# WHAT TO DO
Lines to restate from the data below: from the one containing "#9=IFCLOCALPLACEMENT($,#2);" to the one containing "#23=IFCINDEXEDPOLYGONALFACE((1,5,6,2));", both included. Give them again exactly, and only them.

++++ RECORDS SUPPLIED ++++

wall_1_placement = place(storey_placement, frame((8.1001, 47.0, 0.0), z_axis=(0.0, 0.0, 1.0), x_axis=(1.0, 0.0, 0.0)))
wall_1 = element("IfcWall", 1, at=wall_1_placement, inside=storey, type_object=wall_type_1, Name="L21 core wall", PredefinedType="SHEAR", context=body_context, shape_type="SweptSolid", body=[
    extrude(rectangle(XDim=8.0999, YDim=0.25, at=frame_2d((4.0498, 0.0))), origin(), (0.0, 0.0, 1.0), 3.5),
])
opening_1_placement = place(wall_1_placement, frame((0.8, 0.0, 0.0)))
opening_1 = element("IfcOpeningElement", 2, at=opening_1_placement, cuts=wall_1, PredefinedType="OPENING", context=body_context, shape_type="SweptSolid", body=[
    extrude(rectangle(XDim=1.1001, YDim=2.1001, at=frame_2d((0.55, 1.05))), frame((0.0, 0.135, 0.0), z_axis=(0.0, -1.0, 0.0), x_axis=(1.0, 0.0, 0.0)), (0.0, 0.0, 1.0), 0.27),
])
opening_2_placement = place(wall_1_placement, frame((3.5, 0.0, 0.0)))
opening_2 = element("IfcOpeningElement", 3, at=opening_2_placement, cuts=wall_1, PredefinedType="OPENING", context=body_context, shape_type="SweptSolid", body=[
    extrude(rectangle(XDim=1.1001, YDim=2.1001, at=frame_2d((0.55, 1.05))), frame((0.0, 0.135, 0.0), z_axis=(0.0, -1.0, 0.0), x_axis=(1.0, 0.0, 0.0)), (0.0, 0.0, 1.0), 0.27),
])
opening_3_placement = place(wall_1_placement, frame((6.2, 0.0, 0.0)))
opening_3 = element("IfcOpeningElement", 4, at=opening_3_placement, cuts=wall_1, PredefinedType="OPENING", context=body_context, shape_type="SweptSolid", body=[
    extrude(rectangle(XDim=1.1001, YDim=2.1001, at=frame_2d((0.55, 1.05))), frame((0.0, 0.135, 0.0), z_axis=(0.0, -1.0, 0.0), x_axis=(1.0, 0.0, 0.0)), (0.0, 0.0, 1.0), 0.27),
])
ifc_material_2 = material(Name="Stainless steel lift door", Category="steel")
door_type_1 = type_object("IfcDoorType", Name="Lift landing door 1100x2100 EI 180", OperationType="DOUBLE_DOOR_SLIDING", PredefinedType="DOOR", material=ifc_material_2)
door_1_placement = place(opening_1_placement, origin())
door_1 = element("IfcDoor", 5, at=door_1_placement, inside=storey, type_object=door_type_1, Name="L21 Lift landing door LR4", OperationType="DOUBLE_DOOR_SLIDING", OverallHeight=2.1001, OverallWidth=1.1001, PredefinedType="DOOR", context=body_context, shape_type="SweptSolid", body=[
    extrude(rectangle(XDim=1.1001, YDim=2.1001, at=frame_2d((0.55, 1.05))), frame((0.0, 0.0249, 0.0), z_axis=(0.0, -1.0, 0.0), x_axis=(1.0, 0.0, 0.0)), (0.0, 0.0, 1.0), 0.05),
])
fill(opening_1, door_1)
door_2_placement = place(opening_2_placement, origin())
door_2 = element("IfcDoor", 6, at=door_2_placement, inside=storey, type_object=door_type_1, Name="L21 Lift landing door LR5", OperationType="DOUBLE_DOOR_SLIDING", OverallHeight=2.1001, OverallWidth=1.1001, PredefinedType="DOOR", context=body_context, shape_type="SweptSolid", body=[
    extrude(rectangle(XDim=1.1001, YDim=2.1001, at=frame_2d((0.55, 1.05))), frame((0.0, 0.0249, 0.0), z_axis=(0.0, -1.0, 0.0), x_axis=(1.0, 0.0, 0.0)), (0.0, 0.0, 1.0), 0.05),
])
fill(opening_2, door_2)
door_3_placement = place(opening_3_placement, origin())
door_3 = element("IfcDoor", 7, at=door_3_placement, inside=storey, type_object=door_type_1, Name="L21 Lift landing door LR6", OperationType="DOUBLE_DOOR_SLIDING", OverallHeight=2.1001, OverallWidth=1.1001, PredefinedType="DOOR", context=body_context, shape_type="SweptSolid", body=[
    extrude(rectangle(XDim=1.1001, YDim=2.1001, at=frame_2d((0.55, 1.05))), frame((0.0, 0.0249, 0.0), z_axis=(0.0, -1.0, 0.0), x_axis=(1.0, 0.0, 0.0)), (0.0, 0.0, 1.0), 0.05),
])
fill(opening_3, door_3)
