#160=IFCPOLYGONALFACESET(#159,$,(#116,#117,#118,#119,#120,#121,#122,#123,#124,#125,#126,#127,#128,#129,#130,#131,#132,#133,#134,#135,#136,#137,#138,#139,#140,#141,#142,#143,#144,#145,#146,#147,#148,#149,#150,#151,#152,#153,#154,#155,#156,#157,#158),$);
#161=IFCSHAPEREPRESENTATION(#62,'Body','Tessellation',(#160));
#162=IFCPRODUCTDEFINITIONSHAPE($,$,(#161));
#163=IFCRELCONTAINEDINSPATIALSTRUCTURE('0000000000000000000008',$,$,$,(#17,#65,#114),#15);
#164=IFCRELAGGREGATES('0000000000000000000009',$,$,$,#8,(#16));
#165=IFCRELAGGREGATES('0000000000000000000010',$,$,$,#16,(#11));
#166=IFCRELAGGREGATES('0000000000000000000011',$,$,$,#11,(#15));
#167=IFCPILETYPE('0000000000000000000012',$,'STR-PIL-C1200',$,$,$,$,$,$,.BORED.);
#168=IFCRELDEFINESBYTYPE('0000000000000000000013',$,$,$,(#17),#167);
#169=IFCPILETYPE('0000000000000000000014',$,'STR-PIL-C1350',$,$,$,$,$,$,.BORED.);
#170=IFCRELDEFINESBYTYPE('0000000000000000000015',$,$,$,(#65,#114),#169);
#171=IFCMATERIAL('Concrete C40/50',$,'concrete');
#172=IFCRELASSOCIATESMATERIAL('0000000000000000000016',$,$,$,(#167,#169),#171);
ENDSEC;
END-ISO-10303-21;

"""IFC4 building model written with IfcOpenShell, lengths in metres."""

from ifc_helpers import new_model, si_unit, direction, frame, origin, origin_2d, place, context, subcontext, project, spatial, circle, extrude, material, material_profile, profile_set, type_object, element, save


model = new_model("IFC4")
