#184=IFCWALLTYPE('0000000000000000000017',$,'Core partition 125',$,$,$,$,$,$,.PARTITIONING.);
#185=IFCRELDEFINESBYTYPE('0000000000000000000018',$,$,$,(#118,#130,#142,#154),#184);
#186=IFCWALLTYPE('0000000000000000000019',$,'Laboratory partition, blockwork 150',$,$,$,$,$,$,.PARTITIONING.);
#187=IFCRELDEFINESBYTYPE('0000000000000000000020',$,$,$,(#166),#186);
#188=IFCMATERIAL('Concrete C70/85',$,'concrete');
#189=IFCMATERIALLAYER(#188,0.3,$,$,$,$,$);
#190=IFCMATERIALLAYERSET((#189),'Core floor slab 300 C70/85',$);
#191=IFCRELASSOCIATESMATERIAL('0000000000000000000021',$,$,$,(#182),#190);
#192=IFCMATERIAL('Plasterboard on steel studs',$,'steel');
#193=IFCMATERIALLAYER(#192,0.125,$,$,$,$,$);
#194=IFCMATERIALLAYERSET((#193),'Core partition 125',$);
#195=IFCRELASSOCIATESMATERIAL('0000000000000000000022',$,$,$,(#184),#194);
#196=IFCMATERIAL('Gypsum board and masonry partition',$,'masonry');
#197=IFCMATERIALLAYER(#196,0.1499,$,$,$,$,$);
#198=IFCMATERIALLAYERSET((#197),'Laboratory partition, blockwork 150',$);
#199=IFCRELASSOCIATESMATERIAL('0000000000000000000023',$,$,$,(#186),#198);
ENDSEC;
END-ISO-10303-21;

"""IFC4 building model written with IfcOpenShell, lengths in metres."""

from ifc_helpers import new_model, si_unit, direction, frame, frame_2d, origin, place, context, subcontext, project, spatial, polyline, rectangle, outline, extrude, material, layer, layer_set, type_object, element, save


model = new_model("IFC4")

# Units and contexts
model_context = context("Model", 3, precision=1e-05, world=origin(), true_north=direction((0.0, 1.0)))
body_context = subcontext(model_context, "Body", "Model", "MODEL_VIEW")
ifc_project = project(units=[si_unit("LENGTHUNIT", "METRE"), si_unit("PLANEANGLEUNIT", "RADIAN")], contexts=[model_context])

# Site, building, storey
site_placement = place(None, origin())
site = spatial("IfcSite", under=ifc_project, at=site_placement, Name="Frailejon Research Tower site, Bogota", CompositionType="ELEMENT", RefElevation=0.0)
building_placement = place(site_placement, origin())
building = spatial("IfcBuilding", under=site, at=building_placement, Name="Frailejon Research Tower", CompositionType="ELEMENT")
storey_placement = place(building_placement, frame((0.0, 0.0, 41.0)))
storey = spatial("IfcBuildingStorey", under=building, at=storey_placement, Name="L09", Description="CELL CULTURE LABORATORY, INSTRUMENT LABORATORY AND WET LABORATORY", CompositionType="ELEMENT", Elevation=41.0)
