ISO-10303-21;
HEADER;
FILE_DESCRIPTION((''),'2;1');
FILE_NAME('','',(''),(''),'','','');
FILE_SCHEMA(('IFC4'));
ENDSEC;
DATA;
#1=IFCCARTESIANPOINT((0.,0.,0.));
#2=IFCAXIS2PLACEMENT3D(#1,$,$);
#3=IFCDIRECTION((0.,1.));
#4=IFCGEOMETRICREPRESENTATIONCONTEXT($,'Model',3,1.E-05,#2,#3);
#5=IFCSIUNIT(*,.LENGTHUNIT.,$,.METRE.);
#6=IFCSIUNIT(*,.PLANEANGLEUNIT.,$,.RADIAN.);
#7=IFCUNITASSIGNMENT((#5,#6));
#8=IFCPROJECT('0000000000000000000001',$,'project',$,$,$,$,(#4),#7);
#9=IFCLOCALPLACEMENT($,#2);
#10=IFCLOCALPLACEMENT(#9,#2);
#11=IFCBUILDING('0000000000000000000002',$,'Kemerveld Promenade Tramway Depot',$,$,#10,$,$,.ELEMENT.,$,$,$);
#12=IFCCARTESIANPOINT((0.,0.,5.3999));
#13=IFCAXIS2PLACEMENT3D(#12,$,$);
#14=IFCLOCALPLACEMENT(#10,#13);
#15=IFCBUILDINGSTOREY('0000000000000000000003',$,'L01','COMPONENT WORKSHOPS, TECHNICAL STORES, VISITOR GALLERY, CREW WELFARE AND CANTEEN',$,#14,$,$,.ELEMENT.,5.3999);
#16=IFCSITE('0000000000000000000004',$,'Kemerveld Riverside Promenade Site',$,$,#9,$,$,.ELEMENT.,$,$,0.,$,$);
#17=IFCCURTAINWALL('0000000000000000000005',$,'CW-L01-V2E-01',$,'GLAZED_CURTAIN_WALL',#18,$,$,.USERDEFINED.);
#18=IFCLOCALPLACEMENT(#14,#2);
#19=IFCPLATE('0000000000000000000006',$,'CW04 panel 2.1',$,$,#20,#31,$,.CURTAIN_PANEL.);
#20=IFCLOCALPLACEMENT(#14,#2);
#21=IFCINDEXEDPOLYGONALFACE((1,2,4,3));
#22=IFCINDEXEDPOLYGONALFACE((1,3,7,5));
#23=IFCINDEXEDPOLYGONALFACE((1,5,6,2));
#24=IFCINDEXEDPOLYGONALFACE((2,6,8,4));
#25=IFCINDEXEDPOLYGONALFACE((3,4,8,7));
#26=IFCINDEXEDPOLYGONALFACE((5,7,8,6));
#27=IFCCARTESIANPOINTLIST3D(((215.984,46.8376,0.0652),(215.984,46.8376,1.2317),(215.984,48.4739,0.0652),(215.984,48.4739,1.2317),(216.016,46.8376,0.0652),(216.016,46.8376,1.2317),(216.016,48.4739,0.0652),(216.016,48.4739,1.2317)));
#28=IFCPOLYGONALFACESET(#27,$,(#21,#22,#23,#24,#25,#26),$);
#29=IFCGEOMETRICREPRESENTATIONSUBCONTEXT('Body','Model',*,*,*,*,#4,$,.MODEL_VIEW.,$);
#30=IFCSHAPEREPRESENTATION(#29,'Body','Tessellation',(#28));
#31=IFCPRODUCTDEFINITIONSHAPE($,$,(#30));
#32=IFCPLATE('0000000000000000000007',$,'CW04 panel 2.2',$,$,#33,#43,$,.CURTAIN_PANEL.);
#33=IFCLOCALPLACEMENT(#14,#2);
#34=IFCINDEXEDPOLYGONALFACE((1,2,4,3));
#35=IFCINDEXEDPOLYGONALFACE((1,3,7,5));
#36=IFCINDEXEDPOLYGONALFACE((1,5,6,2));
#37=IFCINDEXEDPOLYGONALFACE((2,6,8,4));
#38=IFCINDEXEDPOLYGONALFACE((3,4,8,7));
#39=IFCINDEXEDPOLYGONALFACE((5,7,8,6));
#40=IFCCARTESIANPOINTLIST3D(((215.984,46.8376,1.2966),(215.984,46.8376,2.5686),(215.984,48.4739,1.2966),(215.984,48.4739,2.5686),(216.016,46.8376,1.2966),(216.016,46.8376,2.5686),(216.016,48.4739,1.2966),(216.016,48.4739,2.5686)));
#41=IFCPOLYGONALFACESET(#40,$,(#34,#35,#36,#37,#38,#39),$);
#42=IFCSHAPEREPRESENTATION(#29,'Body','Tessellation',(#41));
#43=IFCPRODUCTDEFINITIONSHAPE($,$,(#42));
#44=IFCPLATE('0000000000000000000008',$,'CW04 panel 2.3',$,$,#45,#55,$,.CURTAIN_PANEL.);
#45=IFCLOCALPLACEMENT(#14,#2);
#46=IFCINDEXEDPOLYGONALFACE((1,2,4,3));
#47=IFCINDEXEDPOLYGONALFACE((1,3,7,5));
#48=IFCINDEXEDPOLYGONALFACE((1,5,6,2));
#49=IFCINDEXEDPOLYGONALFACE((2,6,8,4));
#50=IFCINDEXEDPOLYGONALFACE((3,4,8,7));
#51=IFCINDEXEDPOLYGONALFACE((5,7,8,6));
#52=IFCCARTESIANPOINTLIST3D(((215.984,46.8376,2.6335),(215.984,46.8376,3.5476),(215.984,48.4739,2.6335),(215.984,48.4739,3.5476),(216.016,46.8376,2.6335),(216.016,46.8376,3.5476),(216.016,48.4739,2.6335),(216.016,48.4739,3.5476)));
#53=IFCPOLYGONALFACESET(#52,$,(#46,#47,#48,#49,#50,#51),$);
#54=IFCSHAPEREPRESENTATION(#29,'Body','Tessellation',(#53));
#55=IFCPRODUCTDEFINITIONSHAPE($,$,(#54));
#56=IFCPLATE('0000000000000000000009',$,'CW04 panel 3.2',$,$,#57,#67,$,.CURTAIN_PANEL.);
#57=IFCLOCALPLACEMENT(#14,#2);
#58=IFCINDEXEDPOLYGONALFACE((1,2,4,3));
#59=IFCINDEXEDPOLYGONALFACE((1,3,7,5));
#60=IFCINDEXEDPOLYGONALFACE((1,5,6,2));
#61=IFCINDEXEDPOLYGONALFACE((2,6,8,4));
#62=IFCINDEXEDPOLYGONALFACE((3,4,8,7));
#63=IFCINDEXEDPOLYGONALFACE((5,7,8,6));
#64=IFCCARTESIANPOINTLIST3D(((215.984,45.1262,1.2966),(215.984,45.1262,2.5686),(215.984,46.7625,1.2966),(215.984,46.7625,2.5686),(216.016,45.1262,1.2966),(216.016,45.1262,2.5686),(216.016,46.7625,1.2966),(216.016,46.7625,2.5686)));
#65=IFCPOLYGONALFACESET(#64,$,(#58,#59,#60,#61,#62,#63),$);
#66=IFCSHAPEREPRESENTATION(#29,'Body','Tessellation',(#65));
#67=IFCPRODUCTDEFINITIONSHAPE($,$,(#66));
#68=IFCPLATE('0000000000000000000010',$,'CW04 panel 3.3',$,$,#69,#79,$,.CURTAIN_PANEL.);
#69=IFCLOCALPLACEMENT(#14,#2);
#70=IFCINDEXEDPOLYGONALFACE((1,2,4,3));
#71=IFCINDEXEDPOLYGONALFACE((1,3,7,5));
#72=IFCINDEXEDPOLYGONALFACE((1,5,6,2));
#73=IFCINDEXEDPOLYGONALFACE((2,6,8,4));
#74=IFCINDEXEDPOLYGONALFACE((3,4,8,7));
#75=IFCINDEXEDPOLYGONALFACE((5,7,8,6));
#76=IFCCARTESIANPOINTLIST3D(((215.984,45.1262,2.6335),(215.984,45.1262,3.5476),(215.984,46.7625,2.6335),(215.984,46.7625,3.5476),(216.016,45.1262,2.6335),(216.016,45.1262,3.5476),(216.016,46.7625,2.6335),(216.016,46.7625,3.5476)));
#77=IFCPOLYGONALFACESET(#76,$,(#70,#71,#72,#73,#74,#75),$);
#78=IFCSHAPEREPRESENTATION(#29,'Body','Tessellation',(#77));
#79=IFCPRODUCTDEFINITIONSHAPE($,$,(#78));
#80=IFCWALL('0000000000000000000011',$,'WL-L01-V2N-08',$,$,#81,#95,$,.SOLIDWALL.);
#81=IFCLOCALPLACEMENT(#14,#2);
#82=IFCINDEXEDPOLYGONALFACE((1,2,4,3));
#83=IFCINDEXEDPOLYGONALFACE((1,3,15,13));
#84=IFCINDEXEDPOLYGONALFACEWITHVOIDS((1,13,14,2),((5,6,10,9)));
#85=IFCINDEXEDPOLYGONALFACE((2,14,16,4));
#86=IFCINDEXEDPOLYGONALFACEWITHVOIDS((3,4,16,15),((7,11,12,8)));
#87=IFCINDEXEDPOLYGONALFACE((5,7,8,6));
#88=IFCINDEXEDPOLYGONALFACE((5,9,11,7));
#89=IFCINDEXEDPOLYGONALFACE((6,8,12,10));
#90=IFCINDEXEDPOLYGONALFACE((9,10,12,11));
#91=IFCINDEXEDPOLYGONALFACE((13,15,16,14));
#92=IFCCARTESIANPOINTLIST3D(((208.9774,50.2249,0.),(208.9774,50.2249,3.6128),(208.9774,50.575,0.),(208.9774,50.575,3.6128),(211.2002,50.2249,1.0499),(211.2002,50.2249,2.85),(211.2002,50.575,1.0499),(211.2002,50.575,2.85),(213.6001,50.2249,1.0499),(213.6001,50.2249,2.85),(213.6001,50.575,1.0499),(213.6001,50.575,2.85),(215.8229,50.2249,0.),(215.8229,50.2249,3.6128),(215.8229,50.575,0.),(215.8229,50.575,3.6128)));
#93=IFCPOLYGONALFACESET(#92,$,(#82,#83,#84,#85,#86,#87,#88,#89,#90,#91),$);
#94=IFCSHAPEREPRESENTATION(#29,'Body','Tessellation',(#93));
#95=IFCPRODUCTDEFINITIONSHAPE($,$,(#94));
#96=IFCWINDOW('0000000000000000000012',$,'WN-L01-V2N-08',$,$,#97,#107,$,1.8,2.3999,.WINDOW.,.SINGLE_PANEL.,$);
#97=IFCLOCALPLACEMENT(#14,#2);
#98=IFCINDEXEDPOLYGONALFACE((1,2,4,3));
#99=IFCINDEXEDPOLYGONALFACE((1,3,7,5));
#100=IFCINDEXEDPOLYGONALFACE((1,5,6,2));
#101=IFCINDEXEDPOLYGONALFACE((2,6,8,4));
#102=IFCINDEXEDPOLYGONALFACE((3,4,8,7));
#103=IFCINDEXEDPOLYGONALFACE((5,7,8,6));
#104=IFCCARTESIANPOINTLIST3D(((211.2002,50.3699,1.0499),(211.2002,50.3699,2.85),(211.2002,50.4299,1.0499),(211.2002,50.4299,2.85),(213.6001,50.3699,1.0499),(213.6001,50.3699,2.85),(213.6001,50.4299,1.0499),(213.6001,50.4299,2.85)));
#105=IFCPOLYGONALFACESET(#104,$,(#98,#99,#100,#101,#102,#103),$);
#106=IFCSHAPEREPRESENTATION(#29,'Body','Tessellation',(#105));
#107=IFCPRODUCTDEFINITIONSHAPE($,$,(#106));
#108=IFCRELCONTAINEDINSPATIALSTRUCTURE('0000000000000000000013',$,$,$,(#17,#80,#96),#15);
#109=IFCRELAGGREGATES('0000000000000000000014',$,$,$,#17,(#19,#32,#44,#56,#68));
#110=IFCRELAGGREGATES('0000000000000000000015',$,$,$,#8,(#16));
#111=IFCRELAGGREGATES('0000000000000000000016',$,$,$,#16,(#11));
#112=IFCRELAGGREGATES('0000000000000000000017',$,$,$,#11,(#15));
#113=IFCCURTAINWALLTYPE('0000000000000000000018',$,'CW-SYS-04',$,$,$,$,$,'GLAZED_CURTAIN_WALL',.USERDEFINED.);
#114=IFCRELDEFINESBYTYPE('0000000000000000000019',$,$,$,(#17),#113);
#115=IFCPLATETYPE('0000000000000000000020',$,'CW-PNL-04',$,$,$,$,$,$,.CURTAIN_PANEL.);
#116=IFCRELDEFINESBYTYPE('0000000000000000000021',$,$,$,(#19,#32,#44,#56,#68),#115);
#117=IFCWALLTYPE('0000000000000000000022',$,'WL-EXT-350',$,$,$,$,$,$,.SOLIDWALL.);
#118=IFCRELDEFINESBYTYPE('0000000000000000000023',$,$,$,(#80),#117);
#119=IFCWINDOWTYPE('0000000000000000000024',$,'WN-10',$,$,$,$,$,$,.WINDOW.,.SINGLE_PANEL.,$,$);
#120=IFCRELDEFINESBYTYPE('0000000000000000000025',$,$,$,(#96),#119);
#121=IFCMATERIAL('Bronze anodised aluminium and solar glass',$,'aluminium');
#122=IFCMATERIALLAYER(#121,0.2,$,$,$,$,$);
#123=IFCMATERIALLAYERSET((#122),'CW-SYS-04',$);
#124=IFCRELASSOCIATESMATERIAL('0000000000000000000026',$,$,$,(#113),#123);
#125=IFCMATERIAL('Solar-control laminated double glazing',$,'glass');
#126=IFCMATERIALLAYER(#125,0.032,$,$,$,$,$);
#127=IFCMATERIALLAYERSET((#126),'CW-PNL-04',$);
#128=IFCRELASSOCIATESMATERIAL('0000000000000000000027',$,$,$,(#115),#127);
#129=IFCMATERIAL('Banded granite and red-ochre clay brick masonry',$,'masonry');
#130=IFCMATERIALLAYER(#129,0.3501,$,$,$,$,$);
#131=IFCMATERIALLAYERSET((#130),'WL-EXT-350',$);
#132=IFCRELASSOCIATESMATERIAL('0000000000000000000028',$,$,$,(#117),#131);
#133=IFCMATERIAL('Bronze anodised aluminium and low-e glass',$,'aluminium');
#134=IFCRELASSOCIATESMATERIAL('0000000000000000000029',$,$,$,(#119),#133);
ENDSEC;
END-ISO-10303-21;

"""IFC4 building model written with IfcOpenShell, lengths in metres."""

from ifc_helpers import new_model, si_unit, direction, frame, frame_2d, origin, origin_2d, place, context, subcontext, project, spatial, rectangle, extrude, material, layer, layer_set, type_object, element, fill, aggregate, save


model = new_model("IFC4")

# Units and contexts
model_context = context("Model", 3, precision=1e-05, world=origin(), true_north=direction((0.0, 1.0)))
body_context = subcontext(model_context, "Body", "Model", "MODEL_VIEW")
ifc_project = project(units=[si_unit("LENGTHUNIT", "METRE"), si_unit("PLANEANGLEUNIT", "RADIAN")], contexts=[model_context])

# Site, building, storey
site_placement = place(None, origin())
site = spatial("IfcSite", under=ifc_project, at=site_placement, Name="Kemerveld Riverside Promenade Site", CompositionType="ELEMENT", RefElevation=0.0)
building_placement = place(site_placement, origin())
building = spatial("IfcBuilding", under=site, at=building_placement, Name="Kemerveld Promenade Tramway Depot", CompositionType="ELEMENT")
storey_placement = place(building_placement, frame((0.0, 0.0, 5.3999)))
storey = spatial("IfcBuildingStorey", under=building, at=storey_placement, Name="L01", Description="COMPONENT WORKSHOPS, TECHNICAL STORES, VISITOR GALLERY, CREW WELFARE AND CANTEEN", CompositionType="ELEMENT", Elevation=5.3999)

# Shared definitions
ifc_material_1 = material(Name="Bronze anodised aluminium and solar glass", Category="aluminium")

# Curtain wall
ifc_layer_1 = layer(ifc_material_1, 0.2)
ifc_layer_set_1 = layer_set([ifc_layer_1], Name="CW-SYS-04")
curtain_wall_type_1 = type_object("IfcCurtainWallType", Name="CW-SYS-04", ElementType="GLAZED_CURTAIN_WALL", PredefinedType="USERDEFINED", material=ifc_layer_set_1)
curtain_wall_1_placement = place(storey_placement, origin())
curtain_wall_1 = element("IfcCurtainWall", 1, at=curtain_wall_1_placement, inside=storey, type_object=curtain_wall_type_1, Name="CW-L01-V2E-01", ObjectType="GLAZED_CURTAIN_WALL", PredefinedType="USERDEFINED")

# Plates
ifc_material_2 = material(Name="Solar-control laminated double glazing", Category="glass")
ifc_layer_2 = layer(ifc_material_2, 0.032)
ifc_layer_set_2 = layer_set([ifc_layer_2], Name="CW-PNL-04")
plate_type_1 = type_object("IfcPlateType", Name="CW-PNL-04", PredefinedType="CURTAIN_PANEL", material=ifc_layer_set_2)
plate_1_placement = place(storey_placement, frame((216.0, 47.6558, 0.0652), z_axis=(0.0, 0.0, 1.0), x_axis=(0.0, -1.0, 0.0)))
plate_1 = element("IfcPlate", 2, at=plate_1_placement, type_object=plate_type_1, Name="CW04 panel 2.1", PredefinedType="CURTAIN_PANEL", context=body_context, shape_type="SweptSolid", body=[
    extrude(rectangle(XDim=1.6362, YDim=0.032, at=origin_2d()), origin(), (0.0, 0.0, 1.0), 1.1665),
])
plate_2_placement = place(storey_placement, frame((216.0, 47.6558, 1.2966), z_axis=(0.0, 0.0, 1.0), x_axis=(0.0, -1.0, 0.0)))
plate_2 = element("IfcPlate", 3, at=plate_2_placement, type_object=plate_type_1, Name="CW04 panel 2.2", PredefinedType="CURTAIN_PANEL", context=body_context, shape_type="SweptSolid", body=[
    extrude(rectangle(XDim=1.6362, YDim=0.032, at=origin_2d()), origin(), (0.0, 0.0, 1.0), 1.272),
])
plate_3_placement = place(storey_placement, frame((216.0, 47.6558, 2.6335), z_axis=(0.0, 0.0, 1.0), x_axis=(0.0, -1.0, 0.0)))
plate_3 = element("IfcPlate", 4, at=plate_3_placement, type_object=plate_type_1, Name="CW04 panel 2.3", PredefinedType="CURTAIN_PANEL", context=body_context, shape_type="SweptSolid", body=[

++++

# ANSWER BOX
#9=IFCLOCALPLACEMENT($,#2);
#10=IFCLOCALPLACEMENT(#9,#2);
#11=IFCBUILDING('0000000000000000000002',$,'Kemerveld Promenade Tramway Depot',$,$,#10,$,$,.ELEMENT.,$,$,$);
#12=IFCCARTESIANPOINT((0.,0.,5.3999));
#13=IFCAXIS2PLACEMENT3D(#12,$,$);
#14=IFCLOCALPLACEMENT(#10,#13);
#15=IFCBUILDINGSTOREY('0000000000000000000003',$,'L01','COMPONENT WORKSHOPS, TECHNICAL STORES, VISITOR GALLERY, CREW WELFARE AND CANTEEN',$,#14,$,$,.ELEMENT.,5.3999);
#16=IFCSITE('0000000000000000000004',$,'Kemerveld Riverside Promenade Site',$,$,#9,$,$,.ELEMENT.,$,$,0.,$,$);
#17=IFCCURTAINWALL('0000000000000000000005',$,'CW-L01-V2E-01',$,'GLAZED_CURTAIN_WALL',#18,$,$,.USERDEFINED.);
#18=IFCLOCALPLACEMENT(#14,#2);
#19=IFCPLATE('0000000000000000000006',$,'CW04 panel 2.1',$,$,#20,#31,$,.CURTAIN_PANEL.);
#20=IFCLOCALPLACEMENT(#14,#2);
#21=IFCINDEXEDPOLYGONALFACE((1,2,4,3));
#22=IFCINDEXEDPOLYGONALFACE((1,3,7,5));
#23=IFCINDEXEDPOLYGONALFACE((1,5,6,2));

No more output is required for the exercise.